*Task statement*
Lines from the records below that contain the word "Secondary" are to be copied out.

[Items from a data source]
────
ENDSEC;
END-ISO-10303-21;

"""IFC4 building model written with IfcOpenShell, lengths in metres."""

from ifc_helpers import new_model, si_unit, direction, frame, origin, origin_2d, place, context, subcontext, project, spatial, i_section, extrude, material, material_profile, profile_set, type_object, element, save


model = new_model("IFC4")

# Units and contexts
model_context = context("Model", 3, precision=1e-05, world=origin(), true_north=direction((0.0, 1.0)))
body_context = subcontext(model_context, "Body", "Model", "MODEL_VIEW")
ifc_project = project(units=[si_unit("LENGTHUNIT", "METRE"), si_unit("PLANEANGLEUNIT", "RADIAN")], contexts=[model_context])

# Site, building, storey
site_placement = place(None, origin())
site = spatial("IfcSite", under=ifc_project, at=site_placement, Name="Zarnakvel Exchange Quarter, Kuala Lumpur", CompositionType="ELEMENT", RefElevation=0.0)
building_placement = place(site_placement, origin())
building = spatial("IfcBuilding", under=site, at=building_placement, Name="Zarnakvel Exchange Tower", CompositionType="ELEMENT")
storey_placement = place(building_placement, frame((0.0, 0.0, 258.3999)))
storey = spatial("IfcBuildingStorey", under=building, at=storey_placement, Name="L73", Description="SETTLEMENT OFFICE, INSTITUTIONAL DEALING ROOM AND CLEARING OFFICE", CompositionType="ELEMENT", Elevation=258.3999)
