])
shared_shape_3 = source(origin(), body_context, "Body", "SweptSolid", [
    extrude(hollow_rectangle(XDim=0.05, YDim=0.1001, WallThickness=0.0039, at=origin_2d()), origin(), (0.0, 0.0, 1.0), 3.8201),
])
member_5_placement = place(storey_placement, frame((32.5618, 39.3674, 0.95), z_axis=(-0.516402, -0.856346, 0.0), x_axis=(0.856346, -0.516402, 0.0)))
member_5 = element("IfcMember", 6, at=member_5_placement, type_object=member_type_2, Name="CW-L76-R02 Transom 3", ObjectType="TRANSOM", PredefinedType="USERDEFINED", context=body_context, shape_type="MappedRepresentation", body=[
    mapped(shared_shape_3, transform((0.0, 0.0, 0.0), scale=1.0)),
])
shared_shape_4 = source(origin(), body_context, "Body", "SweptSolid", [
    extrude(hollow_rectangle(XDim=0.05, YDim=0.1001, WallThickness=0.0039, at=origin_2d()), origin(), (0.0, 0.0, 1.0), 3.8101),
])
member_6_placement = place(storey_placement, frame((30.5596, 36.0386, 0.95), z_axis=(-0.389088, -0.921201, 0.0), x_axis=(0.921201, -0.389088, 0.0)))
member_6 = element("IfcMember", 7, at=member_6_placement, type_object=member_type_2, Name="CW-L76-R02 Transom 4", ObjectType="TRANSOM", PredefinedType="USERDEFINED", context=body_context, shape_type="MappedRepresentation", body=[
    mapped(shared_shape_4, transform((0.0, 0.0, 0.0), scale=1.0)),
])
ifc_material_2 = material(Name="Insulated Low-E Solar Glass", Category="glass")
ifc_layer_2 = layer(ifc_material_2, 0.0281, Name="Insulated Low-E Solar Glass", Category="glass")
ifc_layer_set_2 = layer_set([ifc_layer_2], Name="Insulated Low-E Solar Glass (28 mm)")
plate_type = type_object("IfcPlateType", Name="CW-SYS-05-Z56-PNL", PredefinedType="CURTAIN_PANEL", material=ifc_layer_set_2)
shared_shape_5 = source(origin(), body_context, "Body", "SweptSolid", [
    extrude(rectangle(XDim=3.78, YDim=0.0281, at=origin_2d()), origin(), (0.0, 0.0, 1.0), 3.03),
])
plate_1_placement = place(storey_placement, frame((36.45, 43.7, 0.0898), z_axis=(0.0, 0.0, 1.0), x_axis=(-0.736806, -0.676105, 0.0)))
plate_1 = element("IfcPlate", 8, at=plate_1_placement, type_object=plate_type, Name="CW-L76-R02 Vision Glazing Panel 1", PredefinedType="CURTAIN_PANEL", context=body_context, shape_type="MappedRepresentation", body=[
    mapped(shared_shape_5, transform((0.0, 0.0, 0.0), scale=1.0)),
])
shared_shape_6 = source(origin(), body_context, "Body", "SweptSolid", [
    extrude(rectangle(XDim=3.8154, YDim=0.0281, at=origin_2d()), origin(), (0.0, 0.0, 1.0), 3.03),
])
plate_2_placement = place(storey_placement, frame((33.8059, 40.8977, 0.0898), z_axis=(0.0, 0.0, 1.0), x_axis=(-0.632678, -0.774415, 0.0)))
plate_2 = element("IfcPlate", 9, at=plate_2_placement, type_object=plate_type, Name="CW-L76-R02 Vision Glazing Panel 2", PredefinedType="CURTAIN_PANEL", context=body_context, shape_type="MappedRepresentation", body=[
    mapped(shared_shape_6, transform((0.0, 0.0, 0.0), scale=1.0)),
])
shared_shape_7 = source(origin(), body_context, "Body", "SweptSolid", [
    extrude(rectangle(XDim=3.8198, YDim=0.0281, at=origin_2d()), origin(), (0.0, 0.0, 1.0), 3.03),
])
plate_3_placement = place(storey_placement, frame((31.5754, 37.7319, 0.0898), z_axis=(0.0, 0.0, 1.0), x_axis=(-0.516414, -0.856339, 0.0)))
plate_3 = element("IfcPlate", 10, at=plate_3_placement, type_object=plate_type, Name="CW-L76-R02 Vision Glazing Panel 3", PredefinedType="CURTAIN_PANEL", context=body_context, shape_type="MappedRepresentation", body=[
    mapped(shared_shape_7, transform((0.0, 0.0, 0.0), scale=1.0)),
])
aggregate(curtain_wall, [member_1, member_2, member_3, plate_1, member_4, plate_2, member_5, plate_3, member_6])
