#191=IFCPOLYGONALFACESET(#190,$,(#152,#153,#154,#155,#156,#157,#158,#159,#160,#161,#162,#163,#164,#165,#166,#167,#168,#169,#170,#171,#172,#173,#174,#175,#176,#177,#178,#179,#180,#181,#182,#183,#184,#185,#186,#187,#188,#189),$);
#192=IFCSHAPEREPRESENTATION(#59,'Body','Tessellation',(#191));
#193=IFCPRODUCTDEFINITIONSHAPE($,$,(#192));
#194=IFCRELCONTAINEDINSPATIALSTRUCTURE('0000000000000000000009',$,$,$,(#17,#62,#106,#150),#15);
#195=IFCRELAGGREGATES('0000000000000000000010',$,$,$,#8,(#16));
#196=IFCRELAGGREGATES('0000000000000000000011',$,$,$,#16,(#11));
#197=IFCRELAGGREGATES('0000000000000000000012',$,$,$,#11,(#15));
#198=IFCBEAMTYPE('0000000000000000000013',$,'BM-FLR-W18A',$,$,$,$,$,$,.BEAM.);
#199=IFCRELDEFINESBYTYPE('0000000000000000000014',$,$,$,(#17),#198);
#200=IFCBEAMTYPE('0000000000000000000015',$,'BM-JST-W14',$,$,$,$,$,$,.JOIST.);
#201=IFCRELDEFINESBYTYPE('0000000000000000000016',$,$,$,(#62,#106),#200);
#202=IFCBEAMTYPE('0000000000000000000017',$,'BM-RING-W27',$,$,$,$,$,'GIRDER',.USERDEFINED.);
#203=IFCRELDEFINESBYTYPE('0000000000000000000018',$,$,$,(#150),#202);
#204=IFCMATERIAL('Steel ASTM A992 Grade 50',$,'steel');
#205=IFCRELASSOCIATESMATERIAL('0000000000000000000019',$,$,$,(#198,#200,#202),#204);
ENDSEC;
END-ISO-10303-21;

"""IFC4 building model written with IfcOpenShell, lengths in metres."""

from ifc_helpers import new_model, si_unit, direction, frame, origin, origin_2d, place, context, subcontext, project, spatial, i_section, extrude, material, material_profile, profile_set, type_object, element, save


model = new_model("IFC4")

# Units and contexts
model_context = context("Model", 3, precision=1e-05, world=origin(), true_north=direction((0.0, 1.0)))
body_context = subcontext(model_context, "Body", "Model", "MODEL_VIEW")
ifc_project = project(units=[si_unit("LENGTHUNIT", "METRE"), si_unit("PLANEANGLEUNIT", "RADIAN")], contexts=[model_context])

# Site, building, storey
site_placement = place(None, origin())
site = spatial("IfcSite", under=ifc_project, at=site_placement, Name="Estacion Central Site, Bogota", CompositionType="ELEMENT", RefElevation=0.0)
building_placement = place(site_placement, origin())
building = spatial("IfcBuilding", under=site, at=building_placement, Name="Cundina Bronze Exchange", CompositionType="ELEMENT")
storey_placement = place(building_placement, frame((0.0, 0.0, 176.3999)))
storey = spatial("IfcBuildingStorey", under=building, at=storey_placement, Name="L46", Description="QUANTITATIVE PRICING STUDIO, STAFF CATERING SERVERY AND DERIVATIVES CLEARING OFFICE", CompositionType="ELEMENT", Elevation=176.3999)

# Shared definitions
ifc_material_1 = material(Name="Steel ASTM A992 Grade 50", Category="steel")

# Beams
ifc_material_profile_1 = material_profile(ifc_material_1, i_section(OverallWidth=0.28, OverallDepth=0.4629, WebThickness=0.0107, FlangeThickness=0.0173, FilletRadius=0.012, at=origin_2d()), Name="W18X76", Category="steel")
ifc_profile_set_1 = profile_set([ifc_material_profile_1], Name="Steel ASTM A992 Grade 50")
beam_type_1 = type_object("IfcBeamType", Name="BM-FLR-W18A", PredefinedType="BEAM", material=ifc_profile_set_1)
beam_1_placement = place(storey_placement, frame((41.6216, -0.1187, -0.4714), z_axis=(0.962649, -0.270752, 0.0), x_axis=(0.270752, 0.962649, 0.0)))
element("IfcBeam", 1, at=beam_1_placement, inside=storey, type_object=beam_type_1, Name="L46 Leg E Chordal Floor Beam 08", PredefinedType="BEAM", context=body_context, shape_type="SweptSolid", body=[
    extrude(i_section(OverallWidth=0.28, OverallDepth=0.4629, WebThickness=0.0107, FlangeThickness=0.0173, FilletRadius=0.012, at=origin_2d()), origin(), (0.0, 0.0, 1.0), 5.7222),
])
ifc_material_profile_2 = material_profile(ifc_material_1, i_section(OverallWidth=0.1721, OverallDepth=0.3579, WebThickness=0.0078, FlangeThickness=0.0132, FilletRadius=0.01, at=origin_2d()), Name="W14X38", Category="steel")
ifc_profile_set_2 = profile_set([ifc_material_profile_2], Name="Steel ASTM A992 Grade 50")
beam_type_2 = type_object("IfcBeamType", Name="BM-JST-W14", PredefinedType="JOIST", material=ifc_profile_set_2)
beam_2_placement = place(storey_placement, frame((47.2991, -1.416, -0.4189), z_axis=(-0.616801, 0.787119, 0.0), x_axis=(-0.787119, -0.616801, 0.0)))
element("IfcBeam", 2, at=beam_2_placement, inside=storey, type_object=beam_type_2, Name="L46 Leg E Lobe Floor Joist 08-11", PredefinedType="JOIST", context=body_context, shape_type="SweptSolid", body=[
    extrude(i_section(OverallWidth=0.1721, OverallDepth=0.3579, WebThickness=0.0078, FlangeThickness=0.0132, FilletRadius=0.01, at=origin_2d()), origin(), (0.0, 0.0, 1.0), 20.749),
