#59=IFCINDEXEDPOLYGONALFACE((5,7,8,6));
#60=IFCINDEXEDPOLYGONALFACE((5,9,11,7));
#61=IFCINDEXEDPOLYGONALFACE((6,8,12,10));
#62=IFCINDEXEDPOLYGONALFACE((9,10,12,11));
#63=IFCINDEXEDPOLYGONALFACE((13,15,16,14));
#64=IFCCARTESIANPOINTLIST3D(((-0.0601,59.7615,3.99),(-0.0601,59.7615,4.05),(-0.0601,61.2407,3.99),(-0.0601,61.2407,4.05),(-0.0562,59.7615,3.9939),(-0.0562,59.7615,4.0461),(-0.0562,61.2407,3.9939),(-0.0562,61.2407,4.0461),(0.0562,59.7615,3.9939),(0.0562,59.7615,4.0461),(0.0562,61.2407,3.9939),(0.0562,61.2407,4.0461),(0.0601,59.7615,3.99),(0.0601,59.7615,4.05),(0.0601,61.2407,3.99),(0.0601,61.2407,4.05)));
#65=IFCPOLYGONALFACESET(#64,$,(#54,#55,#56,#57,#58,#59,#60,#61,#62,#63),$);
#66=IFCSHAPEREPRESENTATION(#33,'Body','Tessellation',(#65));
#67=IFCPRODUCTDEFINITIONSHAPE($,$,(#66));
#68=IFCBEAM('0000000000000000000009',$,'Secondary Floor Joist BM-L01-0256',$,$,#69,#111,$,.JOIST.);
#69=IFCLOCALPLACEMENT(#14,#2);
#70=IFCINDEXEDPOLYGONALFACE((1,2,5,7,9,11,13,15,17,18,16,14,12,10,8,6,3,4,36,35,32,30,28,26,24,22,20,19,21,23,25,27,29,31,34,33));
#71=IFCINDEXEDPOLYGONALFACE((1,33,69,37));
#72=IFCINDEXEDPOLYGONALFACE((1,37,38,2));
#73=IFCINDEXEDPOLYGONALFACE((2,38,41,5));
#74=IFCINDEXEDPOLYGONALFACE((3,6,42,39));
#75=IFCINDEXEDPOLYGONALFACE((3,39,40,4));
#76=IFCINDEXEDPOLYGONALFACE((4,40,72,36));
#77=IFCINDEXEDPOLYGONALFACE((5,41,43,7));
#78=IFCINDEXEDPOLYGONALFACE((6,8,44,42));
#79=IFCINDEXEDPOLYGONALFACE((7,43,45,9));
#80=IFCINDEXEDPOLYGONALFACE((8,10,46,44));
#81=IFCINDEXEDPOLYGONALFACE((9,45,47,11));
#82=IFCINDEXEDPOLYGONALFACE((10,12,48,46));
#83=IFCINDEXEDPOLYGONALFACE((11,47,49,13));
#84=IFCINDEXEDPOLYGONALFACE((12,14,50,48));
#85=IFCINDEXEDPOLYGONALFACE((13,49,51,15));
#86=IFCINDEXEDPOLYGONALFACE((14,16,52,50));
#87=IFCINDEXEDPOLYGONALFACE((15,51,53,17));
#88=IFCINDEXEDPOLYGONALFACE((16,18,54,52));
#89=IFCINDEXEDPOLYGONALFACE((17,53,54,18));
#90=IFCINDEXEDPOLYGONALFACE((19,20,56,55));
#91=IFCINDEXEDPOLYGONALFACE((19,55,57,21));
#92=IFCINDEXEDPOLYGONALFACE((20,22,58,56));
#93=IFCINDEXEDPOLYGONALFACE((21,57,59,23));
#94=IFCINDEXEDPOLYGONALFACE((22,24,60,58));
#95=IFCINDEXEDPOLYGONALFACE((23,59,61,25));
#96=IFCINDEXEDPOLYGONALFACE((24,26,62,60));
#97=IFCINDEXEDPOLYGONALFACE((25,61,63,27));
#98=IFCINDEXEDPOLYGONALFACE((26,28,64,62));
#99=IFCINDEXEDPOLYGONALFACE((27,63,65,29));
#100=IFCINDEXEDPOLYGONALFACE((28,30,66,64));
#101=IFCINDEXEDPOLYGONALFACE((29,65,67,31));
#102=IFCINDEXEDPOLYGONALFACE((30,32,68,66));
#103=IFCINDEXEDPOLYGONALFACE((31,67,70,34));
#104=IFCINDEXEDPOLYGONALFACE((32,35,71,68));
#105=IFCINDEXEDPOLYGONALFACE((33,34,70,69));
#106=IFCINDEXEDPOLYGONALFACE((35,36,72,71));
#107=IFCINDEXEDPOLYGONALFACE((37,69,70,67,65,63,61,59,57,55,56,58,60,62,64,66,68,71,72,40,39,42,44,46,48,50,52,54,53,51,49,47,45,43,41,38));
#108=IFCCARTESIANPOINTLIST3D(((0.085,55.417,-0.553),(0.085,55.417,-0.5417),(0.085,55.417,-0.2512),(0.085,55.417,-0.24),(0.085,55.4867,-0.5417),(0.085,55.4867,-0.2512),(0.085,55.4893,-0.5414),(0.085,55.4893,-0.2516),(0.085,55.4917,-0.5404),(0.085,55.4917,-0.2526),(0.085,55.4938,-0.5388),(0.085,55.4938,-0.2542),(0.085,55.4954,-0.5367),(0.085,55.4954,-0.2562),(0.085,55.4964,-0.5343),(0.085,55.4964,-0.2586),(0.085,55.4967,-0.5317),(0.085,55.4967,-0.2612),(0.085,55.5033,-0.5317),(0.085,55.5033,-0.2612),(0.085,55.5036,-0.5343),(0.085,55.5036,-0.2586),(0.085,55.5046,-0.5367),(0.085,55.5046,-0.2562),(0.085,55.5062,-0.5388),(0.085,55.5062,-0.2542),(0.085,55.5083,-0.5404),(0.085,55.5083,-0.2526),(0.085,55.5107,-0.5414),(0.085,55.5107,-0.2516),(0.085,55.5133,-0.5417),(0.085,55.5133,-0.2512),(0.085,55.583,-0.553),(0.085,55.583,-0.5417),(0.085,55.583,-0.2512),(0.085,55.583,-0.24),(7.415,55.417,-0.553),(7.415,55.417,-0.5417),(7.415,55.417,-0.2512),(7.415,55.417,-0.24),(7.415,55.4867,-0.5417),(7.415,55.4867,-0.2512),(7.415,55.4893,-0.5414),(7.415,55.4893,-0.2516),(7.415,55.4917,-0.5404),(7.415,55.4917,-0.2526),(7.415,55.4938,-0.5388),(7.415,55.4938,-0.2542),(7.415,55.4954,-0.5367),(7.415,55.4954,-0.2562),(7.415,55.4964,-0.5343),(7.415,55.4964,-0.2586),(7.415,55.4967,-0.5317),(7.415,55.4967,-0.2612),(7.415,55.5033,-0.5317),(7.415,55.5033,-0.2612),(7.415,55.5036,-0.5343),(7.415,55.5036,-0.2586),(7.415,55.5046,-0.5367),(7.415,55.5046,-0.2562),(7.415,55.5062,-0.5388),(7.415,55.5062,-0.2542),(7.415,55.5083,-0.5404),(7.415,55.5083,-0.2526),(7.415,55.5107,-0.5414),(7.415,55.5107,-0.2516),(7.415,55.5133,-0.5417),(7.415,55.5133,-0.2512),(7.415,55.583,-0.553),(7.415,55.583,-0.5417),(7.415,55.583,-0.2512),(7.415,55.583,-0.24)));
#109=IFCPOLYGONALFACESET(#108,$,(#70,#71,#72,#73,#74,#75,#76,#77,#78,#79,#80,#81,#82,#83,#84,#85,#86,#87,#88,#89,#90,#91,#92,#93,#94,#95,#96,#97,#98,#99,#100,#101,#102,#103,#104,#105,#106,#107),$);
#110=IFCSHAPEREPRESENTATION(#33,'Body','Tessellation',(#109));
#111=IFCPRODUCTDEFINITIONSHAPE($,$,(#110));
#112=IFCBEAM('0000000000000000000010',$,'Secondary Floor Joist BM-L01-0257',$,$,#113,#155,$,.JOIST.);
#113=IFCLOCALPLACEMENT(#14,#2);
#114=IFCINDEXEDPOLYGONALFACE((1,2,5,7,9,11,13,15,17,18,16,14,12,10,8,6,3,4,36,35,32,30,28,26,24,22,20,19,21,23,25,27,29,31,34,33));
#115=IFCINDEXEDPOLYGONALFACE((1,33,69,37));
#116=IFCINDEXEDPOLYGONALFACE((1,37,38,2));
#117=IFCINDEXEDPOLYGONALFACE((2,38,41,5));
────
*Task output*
#68=IFCBEAM('0000000000000000000009',$,'Secondary Floor Joist BM-L01-0256',$,$,#69,#111,$,.JOIST.);
#112=IFCBEAM('0000000000000000000010',$,'Secondary Floor Joist BM-L01-0257',$,$,#113,#155,$,.JOIST.);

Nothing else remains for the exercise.